#### Material provided

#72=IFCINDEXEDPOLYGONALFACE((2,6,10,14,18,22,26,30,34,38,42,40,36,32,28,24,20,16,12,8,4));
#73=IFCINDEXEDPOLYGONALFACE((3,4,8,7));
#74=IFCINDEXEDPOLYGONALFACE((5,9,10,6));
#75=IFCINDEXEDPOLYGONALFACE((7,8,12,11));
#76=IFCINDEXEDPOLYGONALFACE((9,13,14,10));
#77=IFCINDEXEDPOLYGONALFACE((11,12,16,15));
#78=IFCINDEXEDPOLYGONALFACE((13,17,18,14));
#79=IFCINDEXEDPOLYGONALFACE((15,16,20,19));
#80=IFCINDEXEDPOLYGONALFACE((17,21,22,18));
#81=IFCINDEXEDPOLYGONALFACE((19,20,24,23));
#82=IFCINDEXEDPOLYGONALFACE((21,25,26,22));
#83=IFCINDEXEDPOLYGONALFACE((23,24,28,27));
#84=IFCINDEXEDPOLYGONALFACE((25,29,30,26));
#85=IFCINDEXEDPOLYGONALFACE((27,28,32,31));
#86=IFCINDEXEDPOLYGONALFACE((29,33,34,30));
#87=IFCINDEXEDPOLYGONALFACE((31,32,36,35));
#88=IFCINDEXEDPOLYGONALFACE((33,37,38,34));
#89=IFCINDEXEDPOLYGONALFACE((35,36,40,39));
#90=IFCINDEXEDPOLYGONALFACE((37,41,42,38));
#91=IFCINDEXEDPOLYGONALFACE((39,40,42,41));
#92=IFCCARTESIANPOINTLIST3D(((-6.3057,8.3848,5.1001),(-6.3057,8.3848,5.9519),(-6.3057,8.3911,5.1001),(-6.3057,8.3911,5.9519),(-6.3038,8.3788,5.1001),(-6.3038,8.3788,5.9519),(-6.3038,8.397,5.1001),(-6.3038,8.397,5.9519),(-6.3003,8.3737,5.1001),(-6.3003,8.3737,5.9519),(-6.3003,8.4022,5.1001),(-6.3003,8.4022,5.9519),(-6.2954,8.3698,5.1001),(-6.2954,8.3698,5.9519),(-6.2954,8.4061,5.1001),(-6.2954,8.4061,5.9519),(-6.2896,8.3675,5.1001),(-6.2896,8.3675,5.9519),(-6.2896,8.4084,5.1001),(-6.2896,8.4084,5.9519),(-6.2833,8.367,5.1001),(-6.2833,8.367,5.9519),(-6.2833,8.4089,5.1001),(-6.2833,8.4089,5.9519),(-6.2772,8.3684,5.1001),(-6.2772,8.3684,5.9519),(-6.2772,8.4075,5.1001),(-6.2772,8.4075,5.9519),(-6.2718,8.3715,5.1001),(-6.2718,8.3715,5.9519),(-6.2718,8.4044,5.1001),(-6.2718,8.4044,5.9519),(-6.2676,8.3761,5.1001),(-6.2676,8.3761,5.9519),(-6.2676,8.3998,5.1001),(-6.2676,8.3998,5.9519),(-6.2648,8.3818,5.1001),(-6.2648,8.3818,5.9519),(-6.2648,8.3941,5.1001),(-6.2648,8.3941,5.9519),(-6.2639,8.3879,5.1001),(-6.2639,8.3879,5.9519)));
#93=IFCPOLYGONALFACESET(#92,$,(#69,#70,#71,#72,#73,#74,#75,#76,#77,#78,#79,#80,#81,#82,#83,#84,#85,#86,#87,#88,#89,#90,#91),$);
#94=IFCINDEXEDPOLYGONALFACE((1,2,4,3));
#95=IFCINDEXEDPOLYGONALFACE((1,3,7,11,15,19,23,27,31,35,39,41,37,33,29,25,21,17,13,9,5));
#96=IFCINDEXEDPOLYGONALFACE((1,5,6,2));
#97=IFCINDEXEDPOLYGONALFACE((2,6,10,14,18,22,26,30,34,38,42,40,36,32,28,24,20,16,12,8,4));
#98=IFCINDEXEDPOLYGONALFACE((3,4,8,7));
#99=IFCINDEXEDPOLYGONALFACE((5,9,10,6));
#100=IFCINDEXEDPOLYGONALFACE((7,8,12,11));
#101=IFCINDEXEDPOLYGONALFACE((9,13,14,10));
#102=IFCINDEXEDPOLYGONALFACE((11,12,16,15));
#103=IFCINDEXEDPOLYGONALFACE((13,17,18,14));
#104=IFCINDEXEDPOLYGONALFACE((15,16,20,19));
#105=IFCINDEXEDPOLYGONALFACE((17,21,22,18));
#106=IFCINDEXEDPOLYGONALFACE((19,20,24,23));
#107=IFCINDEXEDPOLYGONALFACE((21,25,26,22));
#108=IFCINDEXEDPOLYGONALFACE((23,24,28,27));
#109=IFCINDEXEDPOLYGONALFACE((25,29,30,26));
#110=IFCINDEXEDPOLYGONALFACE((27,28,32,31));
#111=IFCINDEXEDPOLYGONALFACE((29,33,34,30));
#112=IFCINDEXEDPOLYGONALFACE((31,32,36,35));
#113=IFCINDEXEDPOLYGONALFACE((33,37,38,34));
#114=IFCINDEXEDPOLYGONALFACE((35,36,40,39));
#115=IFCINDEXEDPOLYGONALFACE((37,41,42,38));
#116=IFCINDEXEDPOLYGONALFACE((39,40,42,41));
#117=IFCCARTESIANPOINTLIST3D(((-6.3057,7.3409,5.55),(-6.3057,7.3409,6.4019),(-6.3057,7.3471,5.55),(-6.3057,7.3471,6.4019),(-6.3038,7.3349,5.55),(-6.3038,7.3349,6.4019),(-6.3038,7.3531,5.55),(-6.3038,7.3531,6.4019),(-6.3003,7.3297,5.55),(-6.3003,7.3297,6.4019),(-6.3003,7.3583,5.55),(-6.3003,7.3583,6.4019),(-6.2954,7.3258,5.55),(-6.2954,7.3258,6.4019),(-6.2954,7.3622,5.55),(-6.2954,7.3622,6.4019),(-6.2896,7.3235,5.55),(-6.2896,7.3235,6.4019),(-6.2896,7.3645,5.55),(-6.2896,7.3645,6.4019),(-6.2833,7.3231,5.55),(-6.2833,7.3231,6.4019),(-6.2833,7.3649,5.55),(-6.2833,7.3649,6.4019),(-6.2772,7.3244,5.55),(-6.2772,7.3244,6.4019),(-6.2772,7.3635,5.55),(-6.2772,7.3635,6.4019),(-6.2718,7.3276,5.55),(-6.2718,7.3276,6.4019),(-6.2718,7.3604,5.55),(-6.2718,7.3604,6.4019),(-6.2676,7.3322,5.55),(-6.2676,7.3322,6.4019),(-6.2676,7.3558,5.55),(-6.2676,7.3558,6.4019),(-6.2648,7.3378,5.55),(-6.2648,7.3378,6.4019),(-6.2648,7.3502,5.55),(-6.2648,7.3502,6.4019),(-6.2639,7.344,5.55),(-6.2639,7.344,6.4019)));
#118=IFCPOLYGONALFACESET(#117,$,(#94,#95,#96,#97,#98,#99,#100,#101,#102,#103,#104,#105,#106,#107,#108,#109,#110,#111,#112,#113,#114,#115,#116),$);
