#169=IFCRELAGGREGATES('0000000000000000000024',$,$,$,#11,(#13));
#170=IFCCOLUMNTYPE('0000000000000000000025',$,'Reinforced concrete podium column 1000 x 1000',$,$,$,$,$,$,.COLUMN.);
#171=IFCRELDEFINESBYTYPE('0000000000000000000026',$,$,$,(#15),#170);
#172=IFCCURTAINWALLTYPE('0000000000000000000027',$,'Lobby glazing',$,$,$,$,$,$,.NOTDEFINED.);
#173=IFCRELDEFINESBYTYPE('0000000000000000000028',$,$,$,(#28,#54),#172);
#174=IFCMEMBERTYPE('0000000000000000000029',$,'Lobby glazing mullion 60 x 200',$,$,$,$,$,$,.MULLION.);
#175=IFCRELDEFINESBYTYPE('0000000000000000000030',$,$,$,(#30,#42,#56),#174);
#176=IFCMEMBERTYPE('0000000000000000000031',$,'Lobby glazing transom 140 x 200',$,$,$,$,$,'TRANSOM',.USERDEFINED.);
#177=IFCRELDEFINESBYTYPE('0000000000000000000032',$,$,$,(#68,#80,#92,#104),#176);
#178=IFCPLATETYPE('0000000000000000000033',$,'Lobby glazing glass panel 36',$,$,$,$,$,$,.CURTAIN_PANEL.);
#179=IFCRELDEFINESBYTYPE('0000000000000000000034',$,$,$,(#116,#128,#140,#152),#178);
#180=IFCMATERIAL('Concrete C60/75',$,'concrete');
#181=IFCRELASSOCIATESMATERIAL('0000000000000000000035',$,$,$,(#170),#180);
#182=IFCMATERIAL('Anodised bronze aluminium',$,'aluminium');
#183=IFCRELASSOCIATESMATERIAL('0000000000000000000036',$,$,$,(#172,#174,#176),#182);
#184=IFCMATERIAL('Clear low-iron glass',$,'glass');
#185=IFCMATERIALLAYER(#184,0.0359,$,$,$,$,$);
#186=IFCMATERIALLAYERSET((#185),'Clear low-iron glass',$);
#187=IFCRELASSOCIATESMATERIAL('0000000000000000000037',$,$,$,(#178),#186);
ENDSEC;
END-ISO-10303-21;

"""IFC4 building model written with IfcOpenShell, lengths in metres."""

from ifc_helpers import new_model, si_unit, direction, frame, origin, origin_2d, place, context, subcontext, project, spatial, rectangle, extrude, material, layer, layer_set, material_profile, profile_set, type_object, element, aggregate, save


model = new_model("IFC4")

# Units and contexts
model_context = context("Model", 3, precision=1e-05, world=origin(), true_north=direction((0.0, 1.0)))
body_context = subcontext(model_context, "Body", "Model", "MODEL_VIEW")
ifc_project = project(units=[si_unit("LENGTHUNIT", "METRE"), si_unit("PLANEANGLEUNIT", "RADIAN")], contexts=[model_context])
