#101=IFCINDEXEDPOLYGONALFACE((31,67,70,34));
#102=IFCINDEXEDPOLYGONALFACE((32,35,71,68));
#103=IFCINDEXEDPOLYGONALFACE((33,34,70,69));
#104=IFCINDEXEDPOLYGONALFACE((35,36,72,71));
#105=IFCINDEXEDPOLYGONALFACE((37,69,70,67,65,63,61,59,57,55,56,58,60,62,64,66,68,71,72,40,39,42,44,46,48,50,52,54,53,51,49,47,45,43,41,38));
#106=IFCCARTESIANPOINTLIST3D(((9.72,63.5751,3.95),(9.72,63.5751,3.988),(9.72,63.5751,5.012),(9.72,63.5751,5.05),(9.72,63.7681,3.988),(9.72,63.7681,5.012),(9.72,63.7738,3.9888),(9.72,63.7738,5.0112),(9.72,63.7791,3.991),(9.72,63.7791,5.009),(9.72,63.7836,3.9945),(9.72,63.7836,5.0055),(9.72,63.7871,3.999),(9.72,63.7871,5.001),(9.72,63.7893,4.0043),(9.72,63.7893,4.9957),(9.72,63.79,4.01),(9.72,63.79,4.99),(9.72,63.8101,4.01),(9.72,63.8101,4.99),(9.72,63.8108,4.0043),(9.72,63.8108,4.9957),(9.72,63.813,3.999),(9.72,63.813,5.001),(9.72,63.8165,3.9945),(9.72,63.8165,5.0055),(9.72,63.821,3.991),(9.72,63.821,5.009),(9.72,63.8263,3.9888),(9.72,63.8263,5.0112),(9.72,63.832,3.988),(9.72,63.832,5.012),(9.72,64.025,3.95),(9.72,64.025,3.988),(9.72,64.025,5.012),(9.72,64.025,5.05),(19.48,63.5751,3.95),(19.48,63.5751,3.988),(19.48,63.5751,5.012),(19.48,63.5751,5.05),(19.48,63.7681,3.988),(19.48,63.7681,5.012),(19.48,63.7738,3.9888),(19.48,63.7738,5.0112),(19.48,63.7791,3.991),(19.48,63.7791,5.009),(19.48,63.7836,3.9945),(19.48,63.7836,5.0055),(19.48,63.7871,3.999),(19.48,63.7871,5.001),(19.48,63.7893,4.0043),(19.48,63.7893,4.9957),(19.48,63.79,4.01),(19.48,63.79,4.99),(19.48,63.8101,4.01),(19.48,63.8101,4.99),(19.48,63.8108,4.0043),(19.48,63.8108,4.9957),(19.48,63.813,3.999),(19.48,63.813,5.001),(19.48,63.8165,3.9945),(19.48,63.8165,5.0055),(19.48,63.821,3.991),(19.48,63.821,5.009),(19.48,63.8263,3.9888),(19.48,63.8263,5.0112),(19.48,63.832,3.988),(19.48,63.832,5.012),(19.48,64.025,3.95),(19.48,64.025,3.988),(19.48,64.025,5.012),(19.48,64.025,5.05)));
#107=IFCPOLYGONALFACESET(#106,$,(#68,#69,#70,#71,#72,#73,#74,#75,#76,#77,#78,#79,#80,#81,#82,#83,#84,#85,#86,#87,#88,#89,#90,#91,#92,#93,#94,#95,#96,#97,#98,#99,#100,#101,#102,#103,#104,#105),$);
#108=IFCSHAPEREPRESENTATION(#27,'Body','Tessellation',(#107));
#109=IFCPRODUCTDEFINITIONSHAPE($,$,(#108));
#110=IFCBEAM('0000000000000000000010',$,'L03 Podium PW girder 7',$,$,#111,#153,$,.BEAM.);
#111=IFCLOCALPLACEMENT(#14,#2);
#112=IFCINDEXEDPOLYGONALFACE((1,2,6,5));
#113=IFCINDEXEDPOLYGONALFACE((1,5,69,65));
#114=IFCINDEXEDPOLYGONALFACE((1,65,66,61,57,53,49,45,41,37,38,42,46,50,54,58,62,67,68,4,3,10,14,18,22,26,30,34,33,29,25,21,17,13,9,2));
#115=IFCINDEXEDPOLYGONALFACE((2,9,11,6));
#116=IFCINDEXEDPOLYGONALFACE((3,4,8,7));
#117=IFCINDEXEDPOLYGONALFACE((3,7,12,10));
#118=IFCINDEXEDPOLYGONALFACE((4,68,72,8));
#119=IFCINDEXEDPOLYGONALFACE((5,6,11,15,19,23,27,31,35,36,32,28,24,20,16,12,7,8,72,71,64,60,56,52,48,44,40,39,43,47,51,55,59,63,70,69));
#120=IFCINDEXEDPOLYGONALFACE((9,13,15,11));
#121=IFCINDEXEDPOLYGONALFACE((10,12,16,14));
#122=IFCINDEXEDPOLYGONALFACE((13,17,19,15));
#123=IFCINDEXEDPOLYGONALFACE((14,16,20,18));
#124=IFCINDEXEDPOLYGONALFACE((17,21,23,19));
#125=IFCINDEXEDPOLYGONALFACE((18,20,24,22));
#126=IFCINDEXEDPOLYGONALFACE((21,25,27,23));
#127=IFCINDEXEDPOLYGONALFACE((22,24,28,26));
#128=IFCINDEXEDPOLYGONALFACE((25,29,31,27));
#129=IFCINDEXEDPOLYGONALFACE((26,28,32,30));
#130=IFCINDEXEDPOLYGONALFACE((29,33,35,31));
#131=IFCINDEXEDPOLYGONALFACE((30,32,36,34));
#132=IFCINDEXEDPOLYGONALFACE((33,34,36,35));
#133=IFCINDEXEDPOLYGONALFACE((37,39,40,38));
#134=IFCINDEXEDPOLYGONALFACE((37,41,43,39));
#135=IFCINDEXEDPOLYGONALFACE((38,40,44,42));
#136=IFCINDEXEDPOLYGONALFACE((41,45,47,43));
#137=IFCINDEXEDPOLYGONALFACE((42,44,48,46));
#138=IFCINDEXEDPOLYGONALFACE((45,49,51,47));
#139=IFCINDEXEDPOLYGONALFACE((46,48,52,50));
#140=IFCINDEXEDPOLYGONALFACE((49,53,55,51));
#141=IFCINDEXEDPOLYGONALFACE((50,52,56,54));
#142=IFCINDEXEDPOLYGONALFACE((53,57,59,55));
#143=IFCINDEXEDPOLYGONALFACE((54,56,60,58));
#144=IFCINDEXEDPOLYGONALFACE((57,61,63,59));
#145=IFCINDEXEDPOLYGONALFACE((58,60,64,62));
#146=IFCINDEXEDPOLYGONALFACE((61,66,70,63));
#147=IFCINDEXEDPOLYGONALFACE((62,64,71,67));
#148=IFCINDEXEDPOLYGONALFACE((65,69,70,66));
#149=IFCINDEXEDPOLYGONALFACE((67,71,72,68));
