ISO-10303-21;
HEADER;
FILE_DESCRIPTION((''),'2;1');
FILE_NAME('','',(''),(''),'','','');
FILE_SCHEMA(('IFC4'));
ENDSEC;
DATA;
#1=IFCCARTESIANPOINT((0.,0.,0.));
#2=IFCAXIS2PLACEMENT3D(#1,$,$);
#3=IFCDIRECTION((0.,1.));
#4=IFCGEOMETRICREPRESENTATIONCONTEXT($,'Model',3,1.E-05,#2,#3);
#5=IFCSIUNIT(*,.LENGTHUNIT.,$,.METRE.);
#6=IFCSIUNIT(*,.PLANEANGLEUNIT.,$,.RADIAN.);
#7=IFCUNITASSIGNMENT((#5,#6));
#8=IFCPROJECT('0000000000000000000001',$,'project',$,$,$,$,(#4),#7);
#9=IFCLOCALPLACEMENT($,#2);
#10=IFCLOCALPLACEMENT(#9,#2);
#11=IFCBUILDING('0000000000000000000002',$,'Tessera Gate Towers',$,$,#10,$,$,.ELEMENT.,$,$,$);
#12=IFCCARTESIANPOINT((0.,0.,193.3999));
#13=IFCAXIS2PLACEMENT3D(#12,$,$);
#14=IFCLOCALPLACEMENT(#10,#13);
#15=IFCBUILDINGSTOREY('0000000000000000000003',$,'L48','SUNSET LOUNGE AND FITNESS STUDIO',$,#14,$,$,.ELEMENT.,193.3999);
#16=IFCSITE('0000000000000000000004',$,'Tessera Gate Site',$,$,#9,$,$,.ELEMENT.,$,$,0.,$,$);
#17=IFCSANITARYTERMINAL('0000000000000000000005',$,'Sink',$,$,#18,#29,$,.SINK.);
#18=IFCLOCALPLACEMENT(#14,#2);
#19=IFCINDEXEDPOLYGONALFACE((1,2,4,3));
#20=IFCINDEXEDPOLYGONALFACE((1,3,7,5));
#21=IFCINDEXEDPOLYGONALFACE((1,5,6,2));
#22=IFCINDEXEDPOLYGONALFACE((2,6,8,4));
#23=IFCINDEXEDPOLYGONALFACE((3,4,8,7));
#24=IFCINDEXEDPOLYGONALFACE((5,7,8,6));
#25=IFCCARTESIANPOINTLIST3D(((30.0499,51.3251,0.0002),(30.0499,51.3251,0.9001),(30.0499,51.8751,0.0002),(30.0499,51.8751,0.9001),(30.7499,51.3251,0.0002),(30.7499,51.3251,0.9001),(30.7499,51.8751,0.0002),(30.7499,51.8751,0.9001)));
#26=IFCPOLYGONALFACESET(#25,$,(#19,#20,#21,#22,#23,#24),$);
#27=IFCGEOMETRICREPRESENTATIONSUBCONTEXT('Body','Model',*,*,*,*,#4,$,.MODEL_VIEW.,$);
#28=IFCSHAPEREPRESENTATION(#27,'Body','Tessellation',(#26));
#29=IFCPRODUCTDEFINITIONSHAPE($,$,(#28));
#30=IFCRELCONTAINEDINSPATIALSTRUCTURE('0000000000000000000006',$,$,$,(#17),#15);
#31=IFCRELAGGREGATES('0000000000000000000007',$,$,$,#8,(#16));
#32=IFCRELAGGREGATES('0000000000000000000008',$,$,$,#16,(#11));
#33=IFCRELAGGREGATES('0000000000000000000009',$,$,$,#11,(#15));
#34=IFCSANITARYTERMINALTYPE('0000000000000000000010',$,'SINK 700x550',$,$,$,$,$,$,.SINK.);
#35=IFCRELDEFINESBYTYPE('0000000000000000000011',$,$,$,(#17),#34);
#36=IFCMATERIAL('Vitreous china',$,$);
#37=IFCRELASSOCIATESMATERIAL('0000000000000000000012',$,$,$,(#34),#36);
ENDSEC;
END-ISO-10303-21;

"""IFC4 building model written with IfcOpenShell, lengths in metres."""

from ifc_helpers import new_model, si_unit, direction, frame, origin, origin_2d, place, context, subcontext, project, spatial, rectangle, extrude, material, type_object, element, save


model = new_model("IFC4")

# Units and contexts
model_context = context("Model", 3, precision=1e-05, world=origin(), true_north=direction((0.0, 1.0)))
body_context = subcontext(model_context, "Body", "Model", "MODEL_VIEW")
ifc_project = project(units=[si_unit("LENGTHUNIT", "METRE"), si_unit("PLANEANGLEUNIT", "RADIAN")], contexts=[model_context])

# Site, building, storey
site_placement = place(None, origin())
site = spatial("IfcSite", under=ifc_project, at=site_placement, Name="Tessera Gate Site", CompositionType="ELEMENT", RefElevation=0.0)
building_placement = place(site_placement, origin())
building = spatial("IfcBuilding", under=site, at=building_placement, Name="Tessera Gate Towers", CompositionType="ELEMENT")
storey_placement = place(building_placement, frame((0.0, 0.0, 193.3999)))
storey = spatial("IfcBuildingStorey", under=building, at=storey_placement, Name="L48", Description="SUNSET LOUNGE AND FITNESS STUDIO", CompositionType="ELEMENT", Elevation=193.3999)

# Sanitary terminal
ifc_material_1 = material(Name="Vitreous china")
sanitary_terminal_type = type_object("IfcSanitaryTerminalType", Name="SINK 700x550", PredefinedType="SINK", material=ifc_material_1)
sanitary_terminal_placement = place(storey_placement, frame((30.3999, 51.6001, 0.0002), z_axis=(0.0, 0.0, 1.0), x_axis=(1.0, 0.0, 0.0)))
element("IfcSanitaryTerminal", 1, at=sanitary_terminal_placement, inside=storey, type_object=sanitary_terminal_type, Name="Sink", PredefinedType="SINK", context=body_context, shape_type="SweptSolid", body=[
    extrude(rectangle(XDim=0.7, YDim=0.55, at=origin_2d()), origin(), (0.0, 0.0, 1.0), 0.8999),
])

save(model, "model.ifc")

########

[Requirement] Give only the number of lines in the preceding material that contain the string "glass".

[Response] 3